▶ _INFORMATION_
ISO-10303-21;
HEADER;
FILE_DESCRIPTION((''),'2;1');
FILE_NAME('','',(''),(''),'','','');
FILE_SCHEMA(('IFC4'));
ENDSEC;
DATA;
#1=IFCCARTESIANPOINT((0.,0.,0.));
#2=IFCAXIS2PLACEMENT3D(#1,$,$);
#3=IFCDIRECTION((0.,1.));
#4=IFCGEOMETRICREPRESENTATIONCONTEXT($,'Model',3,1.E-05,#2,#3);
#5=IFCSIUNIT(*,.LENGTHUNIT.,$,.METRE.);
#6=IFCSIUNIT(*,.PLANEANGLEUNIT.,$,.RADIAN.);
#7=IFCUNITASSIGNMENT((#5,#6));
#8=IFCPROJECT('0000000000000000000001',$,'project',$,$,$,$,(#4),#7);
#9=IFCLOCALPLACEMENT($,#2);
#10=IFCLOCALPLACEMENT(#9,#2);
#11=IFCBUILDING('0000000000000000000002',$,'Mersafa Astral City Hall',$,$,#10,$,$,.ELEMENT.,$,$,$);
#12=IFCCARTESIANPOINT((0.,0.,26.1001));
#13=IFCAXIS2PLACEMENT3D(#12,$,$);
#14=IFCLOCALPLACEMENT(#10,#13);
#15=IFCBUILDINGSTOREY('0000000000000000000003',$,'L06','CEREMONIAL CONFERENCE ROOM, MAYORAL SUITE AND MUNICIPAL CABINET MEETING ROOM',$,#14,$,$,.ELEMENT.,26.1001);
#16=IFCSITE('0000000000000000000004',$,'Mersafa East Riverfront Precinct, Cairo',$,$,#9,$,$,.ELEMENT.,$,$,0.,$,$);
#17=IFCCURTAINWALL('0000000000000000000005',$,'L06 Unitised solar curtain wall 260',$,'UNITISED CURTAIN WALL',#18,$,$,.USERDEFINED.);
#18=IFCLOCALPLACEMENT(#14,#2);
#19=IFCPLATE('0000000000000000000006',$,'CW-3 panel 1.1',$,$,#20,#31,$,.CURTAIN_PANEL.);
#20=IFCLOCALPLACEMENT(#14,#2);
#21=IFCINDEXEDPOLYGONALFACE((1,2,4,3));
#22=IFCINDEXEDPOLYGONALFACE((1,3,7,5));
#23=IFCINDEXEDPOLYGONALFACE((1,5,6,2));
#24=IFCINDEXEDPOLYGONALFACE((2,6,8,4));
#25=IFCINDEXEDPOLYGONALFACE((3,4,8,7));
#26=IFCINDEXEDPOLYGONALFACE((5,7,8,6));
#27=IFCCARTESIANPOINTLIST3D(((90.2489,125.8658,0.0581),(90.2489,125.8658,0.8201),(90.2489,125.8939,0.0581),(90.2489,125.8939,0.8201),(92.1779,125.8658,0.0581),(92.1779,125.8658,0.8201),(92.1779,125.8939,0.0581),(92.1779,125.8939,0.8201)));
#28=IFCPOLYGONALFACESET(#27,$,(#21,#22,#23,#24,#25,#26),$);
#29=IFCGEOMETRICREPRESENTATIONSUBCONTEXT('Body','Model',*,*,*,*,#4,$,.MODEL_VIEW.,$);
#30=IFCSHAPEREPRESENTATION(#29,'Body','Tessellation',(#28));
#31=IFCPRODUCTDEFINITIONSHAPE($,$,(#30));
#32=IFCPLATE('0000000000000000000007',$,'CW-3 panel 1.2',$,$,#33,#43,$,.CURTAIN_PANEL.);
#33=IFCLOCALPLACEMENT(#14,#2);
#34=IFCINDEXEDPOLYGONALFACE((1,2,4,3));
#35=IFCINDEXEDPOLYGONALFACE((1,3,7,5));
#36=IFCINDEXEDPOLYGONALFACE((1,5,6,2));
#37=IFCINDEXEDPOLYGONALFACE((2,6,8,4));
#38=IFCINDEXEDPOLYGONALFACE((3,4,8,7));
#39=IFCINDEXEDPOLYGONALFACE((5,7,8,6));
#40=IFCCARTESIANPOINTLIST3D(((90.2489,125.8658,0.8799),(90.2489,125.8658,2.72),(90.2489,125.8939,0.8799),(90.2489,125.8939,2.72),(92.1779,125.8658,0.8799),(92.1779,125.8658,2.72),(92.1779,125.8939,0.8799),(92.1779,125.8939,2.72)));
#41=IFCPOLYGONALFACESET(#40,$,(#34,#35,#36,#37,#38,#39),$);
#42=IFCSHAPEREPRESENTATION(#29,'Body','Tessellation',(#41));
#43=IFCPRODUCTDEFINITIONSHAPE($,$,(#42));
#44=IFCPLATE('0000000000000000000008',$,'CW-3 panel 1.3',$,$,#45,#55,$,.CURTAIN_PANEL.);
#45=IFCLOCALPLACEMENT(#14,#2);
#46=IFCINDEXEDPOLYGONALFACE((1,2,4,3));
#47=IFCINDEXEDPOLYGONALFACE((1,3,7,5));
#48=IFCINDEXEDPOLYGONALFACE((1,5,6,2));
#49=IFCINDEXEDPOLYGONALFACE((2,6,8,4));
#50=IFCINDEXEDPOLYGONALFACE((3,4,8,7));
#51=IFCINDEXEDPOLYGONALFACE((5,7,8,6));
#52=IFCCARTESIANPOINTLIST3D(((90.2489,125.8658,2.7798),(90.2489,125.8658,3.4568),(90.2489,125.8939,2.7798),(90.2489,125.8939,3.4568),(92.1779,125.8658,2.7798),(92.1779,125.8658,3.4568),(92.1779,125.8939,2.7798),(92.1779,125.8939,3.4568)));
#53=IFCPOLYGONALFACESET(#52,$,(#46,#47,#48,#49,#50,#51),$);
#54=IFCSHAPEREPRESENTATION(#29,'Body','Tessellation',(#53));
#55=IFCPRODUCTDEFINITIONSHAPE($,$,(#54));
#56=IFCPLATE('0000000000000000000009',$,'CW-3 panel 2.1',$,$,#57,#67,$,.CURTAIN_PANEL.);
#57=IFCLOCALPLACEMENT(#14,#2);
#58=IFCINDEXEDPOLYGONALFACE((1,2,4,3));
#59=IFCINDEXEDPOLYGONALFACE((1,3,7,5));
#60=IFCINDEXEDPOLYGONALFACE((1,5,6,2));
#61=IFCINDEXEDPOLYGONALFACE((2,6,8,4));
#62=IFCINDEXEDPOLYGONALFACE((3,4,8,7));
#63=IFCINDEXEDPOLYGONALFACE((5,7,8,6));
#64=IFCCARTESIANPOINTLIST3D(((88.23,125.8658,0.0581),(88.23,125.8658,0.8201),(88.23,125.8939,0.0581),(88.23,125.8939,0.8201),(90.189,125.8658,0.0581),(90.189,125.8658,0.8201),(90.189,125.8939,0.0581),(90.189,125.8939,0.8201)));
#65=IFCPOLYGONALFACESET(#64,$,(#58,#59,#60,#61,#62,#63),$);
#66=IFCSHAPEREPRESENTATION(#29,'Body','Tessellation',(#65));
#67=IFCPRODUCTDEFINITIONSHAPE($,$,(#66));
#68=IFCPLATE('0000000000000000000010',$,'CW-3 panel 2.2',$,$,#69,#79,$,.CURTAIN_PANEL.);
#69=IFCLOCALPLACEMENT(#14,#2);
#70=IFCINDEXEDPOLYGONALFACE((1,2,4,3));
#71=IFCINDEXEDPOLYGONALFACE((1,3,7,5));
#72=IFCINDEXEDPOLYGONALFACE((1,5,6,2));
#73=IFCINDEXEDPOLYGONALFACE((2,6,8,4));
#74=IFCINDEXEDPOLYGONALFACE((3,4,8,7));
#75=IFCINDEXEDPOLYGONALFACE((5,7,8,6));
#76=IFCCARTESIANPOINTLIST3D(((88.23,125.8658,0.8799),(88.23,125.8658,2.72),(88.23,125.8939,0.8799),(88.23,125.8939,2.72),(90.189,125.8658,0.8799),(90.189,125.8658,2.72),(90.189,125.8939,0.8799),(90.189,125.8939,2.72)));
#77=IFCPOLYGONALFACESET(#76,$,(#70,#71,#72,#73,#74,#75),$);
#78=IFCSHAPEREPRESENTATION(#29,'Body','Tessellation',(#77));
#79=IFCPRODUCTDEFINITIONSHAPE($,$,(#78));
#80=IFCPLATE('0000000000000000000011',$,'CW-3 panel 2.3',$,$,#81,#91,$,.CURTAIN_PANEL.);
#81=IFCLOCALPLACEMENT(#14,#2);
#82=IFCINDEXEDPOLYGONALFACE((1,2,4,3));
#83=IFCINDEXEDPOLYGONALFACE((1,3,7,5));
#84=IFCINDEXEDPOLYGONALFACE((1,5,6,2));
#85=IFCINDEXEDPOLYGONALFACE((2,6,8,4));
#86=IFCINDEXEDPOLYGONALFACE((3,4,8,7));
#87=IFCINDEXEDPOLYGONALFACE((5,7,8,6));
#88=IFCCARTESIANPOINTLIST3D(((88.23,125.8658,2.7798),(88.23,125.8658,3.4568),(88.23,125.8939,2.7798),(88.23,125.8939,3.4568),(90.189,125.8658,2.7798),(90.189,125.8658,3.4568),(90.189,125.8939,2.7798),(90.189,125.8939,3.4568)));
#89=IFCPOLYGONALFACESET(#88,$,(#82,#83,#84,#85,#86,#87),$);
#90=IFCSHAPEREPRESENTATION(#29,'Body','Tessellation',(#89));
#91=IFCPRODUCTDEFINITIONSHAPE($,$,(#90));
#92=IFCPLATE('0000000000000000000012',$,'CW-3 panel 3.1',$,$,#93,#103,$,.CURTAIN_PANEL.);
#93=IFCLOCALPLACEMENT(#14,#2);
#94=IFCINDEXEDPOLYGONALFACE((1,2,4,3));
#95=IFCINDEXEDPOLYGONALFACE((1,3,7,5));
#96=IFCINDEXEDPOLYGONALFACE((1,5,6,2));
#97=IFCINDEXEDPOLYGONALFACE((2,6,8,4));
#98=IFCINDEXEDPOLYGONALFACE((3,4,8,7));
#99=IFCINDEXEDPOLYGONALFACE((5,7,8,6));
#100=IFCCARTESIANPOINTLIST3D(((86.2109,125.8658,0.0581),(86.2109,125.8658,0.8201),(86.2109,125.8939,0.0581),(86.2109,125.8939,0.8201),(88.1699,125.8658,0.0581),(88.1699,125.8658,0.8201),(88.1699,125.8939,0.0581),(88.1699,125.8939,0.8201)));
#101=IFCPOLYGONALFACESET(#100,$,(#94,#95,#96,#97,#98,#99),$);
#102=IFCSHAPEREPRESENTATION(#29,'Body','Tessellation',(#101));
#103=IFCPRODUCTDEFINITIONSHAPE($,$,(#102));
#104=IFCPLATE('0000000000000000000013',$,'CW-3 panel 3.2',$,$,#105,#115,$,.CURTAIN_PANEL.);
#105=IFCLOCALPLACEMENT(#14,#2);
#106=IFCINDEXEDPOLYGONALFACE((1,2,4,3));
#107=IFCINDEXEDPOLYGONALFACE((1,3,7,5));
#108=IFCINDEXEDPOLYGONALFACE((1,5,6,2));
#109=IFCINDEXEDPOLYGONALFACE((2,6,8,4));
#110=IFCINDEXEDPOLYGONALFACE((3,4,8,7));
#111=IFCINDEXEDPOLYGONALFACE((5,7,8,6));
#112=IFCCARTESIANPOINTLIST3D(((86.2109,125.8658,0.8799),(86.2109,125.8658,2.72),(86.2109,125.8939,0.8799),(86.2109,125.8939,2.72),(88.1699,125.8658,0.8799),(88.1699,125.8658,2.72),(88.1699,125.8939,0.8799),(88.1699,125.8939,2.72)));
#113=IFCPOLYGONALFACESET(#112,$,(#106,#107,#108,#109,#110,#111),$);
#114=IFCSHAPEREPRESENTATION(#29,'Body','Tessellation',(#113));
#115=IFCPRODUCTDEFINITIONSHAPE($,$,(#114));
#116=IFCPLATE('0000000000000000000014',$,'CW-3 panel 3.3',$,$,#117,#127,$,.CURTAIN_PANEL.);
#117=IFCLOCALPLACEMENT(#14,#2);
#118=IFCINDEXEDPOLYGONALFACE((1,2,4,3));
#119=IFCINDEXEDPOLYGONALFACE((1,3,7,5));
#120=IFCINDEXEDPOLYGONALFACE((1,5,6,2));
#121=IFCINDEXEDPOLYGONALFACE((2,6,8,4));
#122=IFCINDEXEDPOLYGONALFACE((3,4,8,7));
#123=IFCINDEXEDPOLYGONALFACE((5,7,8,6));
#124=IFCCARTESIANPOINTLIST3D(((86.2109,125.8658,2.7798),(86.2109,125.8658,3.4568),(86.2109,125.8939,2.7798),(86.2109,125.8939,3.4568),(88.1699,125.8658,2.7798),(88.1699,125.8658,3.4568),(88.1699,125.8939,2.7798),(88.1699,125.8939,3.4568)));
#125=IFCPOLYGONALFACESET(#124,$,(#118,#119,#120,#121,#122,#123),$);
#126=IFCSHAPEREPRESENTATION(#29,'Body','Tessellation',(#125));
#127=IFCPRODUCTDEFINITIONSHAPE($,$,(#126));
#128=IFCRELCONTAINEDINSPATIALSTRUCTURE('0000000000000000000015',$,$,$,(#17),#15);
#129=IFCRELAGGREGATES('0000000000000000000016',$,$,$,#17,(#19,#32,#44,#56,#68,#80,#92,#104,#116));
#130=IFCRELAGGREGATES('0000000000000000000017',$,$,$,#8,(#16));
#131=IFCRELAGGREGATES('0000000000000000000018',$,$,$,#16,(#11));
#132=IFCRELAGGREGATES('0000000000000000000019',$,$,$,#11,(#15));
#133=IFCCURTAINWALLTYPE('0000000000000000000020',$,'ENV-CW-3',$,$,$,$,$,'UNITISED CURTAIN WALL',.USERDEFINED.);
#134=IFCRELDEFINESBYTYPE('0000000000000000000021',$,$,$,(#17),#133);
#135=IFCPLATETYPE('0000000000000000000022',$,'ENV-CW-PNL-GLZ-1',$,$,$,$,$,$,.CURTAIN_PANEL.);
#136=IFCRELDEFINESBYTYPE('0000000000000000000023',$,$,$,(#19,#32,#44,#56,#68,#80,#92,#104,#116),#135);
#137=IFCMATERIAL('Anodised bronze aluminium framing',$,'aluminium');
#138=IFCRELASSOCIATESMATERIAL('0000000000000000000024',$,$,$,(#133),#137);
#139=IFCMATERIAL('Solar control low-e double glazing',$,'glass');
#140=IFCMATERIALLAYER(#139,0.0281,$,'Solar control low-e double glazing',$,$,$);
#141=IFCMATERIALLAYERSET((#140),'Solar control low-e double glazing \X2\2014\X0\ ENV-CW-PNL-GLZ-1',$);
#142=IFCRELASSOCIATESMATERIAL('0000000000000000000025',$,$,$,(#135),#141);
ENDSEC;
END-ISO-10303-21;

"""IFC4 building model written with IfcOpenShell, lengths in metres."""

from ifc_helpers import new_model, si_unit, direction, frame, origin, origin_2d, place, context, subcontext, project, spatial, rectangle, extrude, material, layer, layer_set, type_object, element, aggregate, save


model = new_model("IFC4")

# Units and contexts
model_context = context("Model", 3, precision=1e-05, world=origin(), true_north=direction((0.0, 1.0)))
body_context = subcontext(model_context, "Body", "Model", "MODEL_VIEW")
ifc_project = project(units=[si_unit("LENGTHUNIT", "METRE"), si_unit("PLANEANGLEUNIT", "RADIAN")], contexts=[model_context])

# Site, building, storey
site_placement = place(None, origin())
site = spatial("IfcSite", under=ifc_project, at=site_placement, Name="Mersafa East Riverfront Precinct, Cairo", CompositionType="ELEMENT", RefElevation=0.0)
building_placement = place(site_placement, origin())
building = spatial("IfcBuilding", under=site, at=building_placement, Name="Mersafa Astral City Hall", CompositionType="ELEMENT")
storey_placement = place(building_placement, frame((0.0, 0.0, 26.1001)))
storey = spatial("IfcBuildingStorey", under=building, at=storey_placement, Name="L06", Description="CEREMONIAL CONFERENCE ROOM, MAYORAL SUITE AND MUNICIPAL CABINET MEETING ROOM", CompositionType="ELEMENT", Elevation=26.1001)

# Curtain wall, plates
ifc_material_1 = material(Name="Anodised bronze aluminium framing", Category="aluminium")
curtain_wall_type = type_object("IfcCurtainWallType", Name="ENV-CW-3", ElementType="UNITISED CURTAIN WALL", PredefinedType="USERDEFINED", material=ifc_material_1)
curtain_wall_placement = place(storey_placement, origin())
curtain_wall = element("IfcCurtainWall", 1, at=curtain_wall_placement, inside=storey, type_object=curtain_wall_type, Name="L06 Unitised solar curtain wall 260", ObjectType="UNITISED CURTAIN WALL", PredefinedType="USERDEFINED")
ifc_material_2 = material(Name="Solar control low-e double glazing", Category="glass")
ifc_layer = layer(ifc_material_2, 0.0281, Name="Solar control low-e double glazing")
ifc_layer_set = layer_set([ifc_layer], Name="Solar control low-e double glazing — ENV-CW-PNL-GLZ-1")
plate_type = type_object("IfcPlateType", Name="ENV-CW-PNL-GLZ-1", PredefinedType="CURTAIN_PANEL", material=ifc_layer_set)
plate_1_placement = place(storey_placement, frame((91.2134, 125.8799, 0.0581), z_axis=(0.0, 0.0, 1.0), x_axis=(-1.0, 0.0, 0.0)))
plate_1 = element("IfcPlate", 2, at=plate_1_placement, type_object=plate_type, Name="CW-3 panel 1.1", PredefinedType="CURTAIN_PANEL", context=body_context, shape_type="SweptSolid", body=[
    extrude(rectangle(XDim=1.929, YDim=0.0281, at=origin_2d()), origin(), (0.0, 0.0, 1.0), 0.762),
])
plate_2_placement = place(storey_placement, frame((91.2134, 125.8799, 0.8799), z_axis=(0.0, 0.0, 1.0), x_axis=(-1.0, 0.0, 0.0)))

▶ _WHAT IS REQUIRED_
Write out exactly the lines from the beginning of the material above through the line with "#10=IFCLOCALPLACEMENT(#9,#2);", including both and omitting all others.

▶ _RESULT OF THIS TASK_
ISO-10303-21;
HEADER;
FILE_DESCRIPTION((''),'2;1');
FILE_NAME('','',(''),(''),'','','');
FILE_SCHEMA(('IFC4'));
ENDSEC;
DATA;
#1=IFCCARTESIANPOINT((0.,0.,0.));
#2=IFCAXIS2PLACEMENT3D(#1,$,$);
#3=IFCDIRECTION((0.,1.));
#4=IFCGEOMETRICREPRESENTATIONCONTEXT($,'Model',3,1.E-05,#2,#3);
#5=IFCSIUNIT(*,.LENGTHUNIT.,$,.METRE.);
#6=IFCSIUNIT(*,.PLANEANGLEUNIT.,$,.RADIAN.);
#7=IFCUNITASSIGNMENT((#5,#6));
#8=IFCPROJECT('0000000000000000000001',$,'project',$,$,$,$,(#4),#7);
#9=IFCLOCALPLACEMENT($,#2);
#10=IFCLOCALPLACEMENT(#9,#2);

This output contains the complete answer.